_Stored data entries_
★ ★ ★ ★ ★
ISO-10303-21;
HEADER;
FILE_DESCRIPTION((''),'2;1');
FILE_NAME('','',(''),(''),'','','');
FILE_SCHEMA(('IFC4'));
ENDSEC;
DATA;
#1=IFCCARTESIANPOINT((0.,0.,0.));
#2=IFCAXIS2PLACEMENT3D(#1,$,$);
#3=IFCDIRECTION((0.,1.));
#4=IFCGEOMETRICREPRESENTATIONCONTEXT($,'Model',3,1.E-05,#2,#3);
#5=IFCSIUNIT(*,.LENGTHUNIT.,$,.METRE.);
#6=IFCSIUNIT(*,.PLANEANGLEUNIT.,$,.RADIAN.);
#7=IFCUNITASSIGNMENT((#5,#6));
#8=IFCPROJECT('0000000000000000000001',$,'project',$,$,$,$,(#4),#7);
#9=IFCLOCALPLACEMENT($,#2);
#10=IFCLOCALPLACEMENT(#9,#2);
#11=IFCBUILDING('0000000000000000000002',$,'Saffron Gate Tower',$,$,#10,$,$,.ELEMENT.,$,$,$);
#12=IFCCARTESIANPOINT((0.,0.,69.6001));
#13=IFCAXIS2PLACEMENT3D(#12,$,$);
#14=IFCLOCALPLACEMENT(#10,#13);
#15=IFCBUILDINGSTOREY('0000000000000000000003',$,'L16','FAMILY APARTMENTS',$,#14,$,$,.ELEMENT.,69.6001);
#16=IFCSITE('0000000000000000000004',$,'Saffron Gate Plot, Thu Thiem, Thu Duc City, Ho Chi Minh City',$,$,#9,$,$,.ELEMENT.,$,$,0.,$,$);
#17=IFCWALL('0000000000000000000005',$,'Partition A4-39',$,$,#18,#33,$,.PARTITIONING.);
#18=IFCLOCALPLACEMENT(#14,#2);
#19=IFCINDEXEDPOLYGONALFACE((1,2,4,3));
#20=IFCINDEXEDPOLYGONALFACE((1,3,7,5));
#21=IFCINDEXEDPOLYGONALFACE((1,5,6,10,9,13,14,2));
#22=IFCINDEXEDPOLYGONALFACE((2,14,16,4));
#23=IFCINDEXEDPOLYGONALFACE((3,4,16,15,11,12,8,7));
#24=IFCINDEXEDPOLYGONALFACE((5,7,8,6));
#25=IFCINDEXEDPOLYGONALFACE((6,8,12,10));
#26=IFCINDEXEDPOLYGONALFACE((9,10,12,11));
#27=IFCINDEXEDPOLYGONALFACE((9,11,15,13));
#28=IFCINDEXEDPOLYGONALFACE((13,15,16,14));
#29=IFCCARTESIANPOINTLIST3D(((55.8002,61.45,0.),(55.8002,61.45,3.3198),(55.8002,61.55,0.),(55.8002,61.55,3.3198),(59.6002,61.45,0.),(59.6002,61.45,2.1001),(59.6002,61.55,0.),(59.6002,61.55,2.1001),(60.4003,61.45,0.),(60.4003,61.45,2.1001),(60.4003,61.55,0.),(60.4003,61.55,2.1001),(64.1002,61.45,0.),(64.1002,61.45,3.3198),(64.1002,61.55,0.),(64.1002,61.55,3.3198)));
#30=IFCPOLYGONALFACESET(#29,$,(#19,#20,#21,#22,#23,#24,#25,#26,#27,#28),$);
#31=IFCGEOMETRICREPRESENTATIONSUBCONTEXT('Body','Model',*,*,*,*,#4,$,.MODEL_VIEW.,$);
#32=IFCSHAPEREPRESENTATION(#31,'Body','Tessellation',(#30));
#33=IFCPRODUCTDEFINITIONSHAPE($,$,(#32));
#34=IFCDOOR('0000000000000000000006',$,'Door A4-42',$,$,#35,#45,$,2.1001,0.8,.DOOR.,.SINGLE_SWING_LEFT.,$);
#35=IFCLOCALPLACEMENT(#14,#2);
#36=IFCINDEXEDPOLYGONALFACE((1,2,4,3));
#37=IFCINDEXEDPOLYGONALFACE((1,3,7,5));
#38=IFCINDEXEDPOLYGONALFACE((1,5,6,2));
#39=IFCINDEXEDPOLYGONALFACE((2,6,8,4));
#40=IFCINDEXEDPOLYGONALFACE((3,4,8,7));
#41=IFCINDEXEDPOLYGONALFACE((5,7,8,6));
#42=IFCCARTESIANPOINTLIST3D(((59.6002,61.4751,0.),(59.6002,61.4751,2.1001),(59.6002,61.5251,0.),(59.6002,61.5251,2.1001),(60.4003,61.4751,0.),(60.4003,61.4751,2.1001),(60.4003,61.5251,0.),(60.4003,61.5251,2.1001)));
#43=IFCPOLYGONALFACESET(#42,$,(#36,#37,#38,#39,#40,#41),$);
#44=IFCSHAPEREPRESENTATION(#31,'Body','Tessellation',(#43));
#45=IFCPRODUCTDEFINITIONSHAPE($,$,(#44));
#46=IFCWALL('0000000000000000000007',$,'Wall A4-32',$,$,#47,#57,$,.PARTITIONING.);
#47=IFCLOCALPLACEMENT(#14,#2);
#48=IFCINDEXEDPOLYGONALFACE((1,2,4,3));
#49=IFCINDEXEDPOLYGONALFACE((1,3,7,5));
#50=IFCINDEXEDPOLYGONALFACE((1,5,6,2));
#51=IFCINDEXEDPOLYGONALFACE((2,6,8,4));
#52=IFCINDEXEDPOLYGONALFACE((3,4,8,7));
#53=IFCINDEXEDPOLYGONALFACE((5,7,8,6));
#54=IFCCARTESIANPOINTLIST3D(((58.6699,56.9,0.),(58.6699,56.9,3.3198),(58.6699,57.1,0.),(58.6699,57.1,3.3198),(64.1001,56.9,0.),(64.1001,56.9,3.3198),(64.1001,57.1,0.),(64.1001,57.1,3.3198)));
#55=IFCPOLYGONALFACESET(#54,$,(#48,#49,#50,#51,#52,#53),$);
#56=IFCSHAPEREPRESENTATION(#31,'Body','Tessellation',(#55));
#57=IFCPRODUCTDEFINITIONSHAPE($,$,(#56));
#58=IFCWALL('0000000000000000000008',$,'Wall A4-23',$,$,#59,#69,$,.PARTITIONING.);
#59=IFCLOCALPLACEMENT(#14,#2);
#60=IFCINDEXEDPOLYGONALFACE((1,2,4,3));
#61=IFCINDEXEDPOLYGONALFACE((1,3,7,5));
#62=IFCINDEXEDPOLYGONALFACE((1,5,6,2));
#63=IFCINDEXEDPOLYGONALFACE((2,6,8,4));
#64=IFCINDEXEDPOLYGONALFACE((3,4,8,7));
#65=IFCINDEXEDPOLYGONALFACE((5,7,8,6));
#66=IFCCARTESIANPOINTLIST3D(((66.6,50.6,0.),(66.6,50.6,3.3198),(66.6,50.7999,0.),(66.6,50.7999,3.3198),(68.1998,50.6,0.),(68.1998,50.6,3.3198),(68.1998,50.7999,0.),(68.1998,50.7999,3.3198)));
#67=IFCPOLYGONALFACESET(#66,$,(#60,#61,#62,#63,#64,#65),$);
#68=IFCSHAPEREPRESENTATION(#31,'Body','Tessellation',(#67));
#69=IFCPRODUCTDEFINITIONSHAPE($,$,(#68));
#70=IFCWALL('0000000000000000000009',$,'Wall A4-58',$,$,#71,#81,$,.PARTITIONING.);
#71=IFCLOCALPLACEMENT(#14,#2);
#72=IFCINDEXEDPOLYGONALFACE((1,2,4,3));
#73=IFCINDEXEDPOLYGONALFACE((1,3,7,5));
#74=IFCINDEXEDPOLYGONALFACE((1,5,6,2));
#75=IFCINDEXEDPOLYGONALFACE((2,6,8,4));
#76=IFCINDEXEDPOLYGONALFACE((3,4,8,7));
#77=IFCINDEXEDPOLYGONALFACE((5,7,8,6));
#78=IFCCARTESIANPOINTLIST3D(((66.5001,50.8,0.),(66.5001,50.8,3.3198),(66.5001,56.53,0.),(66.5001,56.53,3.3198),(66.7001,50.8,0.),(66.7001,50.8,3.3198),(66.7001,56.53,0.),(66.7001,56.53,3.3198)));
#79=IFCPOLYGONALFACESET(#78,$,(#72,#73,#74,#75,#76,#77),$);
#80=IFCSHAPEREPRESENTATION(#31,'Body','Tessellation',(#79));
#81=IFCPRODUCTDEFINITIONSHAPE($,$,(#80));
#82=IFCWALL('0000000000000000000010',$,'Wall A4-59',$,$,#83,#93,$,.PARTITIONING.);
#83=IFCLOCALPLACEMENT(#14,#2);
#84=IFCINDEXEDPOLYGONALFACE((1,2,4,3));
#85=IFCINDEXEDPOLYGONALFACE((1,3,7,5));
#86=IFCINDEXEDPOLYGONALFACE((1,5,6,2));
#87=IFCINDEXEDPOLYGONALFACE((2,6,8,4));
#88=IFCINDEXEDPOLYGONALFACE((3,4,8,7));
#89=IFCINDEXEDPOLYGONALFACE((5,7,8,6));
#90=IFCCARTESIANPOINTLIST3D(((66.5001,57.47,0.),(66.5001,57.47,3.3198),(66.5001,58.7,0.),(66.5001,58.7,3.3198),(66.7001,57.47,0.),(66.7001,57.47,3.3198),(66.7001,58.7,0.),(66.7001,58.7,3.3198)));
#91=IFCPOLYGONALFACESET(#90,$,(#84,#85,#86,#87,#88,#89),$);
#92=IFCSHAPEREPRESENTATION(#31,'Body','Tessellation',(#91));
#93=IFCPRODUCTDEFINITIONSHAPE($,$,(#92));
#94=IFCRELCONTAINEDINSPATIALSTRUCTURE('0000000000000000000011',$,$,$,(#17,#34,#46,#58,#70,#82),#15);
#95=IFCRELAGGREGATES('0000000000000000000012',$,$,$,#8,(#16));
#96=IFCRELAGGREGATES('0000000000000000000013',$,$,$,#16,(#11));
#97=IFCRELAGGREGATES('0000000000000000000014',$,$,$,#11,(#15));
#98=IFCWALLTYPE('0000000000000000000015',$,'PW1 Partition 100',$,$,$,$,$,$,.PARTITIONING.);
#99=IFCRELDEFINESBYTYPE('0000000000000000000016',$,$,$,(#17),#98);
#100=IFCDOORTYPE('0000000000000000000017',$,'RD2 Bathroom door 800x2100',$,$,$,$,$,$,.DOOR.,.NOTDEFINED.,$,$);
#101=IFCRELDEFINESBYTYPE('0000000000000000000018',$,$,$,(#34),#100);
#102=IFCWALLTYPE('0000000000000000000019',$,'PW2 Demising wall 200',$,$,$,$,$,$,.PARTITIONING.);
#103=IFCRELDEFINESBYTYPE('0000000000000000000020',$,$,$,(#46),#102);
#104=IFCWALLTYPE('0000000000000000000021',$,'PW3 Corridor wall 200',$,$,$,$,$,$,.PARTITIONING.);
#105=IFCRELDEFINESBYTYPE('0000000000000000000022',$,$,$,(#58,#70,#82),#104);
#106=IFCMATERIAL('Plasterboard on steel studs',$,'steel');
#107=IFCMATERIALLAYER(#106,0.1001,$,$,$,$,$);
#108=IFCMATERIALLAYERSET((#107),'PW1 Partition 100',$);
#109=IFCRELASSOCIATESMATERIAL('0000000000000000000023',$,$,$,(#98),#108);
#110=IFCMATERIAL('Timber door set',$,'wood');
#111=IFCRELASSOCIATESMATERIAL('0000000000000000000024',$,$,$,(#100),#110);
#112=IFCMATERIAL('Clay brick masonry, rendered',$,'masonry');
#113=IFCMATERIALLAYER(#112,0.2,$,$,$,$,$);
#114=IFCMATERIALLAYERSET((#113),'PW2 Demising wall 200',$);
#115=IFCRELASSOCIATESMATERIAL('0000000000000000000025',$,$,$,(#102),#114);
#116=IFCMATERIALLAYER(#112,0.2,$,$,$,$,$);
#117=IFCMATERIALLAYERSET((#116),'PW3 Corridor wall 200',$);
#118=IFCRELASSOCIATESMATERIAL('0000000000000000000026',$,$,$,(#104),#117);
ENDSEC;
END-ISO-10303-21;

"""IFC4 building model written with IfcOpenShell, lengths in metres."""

from ifc_helpers import new_model, si_unit, direction, frame, frame_2d, origin, place, context, subcontext, project, spatial, rectangle, extrude, material, layer, layer_set, type_object, element, fill, save


model = new_model("IFC4")

# Units and contexts
model_context = context("Model", 3, precision=1e-05, world=origin(), true_north=direction((0.0, 1.0)))
body_context = subcontext(model_context, "Body", "Model", "MODEL_VIEW")
ifc_project = project(units=[si_unit("LENGTHUNIT", "METRE"), si_unit("PLANEANGLEUNIT", "RADIAN")], contexts=[model_context])

# Site, building, storey
site_placement = place(None, origin())
site = spatial("IfcSite", under=ifc_project, at=site_placement, Name="Saffron Gate Plot, Thu Thiem, Thu Duc City, Ho Chi Minh City", CompositionType="ELEMENT", RefElevation=0.0)
building_placement = place(site_placement, origin())
building = spatial("IfcBuilding", under=site, at=building_placement, Name="Saffron Gate Tower", CompositionType="ELEMENT")
storey_placement = place(building_placement, frame((0.0, 0.0, 69.6001)))
storey = spatial("IfcBuildingStorey", under=building, at=storey_placement, Name="L16", Description="FAMILY APARTMENTS", CompositionType="ELEMENT", Elevation=69.6001)

# Wall, opening, door
ifc_material_1 = material(Name="Plasterboard on steel studs", Category="steel")
ifc_layer_1 = layer(ifc_material_1, 0.1001)
ifc_layer_set_1 = layer_set([ifc_layer_1], Name="PW1 Partition 100")
wall_type_1 = type_object("IfcWallType", Name="PW1 Partition 100", PredefinedType="PARTITIONING", material=ifc_layer_set_1)
ifc_material_2 = material(Name="Timber door set", Category="wood")
wall_1_placement = place(storey_placement, frame((64.1001, 61.5, 0.0), z_axis=(0.0, 0.0, 1.0), x_axis=(-1.0, 0.0, 0.0)))
wall_1 = element("IfcWall", 1, at=wall_1_placement, inside=storey, type_object=wall_type_1, Name="Partition A4-39", PredefinedType="PARTITIONING", context=body_context, shape_type="SweptSolid", body=[
    extrude(rectangle(XDim=8.3, YDim=0.1001, at=frame_2d((4.1499, 0.0))), origin(), (0.0, 0.0, 1.0), 3.3198),
])
opening_1_placement = place(wall_1_placement, frame((3.7, 0.0, 0.0)))
opening_1 = element("IfcOpeningElement", 2, at=opening_1_placement, cuts=wall_1, PredefinedType="OPENING", context=body_context, shape_type="SweptSolid", body=[
    extrude(rectangle(XDim=0.8, YDim=2.1001, at=frame_2d((0.3999, 1.05))), frame((0.0, 0.0601, 0.0), z_axis=(0.0, -1.0, 0.0), x_axis=(1.0, 0.0, 0.0)), (0.0, 0.0, 1.0), 0.1201),
])
door_type_1 = type_object("IfcDoorType", Name="RD2 Bathroom door 800x2100", OperationType="NOTDEFINED", PredefinedType="DOOR", material=ifc_material_2)
door_1_placement = place(opening_1_placement, origin())
door_1 = element("IfcDoor", 3, at=door_1_placement, inside=storey, type_object=door_type_1, Name="Door A4-42", OperationType="SINGLE_SWING_LEFT", OverallHeight=2.1001, OverallWidth=0.8, PredefinedType="DOOR", context=body_context, shape_type="SweptSolid", body=[
    extrude(rectangle(XDim=0.8, YDim=2.1001, at=frame_2d((0.3999, 1.05))), frame((0.0, 0.0249, 0.0), z_axis=(0.0, -1.0, 0.0), x_axis=(1.0, 0.0, 0.0)), (0.0, 0.0, 1.0), 0.05),
])
fill(opening_1, door_1)

# Walls
ifc_material_3 = material(Name="Clay brick masonry, rendered", Category="masonry")
ifc_layer_2 = layer(ifc_material_3, 0.2)
ifc_layer_set_2 = layer_set([ifc_layer_2], Name="PW2 Demising wall 200")
wall_type_2 = type_object("IfcWallType", Name="PW2 Demising wall 200", PredefinedType="PARTITIONING", material=ifc_layer_set_2)
wall_2_placement = place(storey_placement, frame((58.6699, 57.0, 0.0), z_axis=(0.0, 0.0, 1.0), x_axis=(1.0, 0.0, 0.0)))
element("IfcWall", 4, at=wall_2_placement, inside=storey, type_object=wall_type_2, Name="Wall A4-32", PredefinedType="PARTITIONING", context=body_context, shape_type="SweptSolid", body=[
    extrude(rectangle(XDim=5.4302, YDim=0.2, at=frame_2d((2.7151, 0.0))), origin(), (0.0, 0.0, 1.0), 3.3198),
])
ifc_layer_3 = layer(ifc_material_3, 0.2)
ifc_layer_set_3 = layer_set([ifc_layer_3], Name="PW3 Corridor wall 200")
wall_type_3 = type_object("IfcWallType", Name="PW3 Corridor wall 200", PredefinedType="PARTITIONING", material=ifc_layer_set_3)
wall_3_placement = place(storey_placement, frame((66.6001, 50.7, 0.0), z_axis=(0.0, 0.0, 1.0), x_axis=(1.0, 0.0, 0.0)))
element("IfcWall", 5, at=wall_3_placement, inside=storey, type_object=wall_type_3, Name="Wall A4-23", PredefinedType="PARTITIONING", context=body_context, shape_type="SweptSolid", body=[
    extrude(rectangle(XDim=1.5999, YDim=0.2, at=frame_2d((0.7998, 0.0))), origin(), (0.0, 0.0, 1.0), 3.3198),
])
wall_4_placement = place(storey_placement, frame((66.6001, 56.53, 0.0), z_axis=(0.0, 0.0, 1.0), x_axis=(0.0, -1.0, 0.0)))
element("IfcWall", 6, at=wall_4_placement, inside=storey, type_object=wall_type_3, Name="Wall A4-58", PredefinedType="PARTITIONING", context=body_context, shape_type="SweptSolid", body=[
    extrude(rectangle(XDim=5.73, YDim=0.2, at=frame_2d((2.865, 0.0))), origin(), (0.0, 0.0, 1.0), 3.3198),
])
★ ★ ★ ★ ★
_Goal of the exercise_
Print again the lines of the entries above that fall between the line holding "#117=IFCMATERIALLAYERSET((#116),'PW3 Corridor wall" and the line holding "END-ISO-10303-21;", inclusive, exactly as they stand.

_Task result_
#117=IFCMATERIALLAYERSET((#116),'PW3 Corridor wall 200',$);
#118=IFCRELASSOCIATESMATERIAL('0000000000000000000026',$,$,$,(#104),#117);
ENDSEC;
END-ISO-10303-21;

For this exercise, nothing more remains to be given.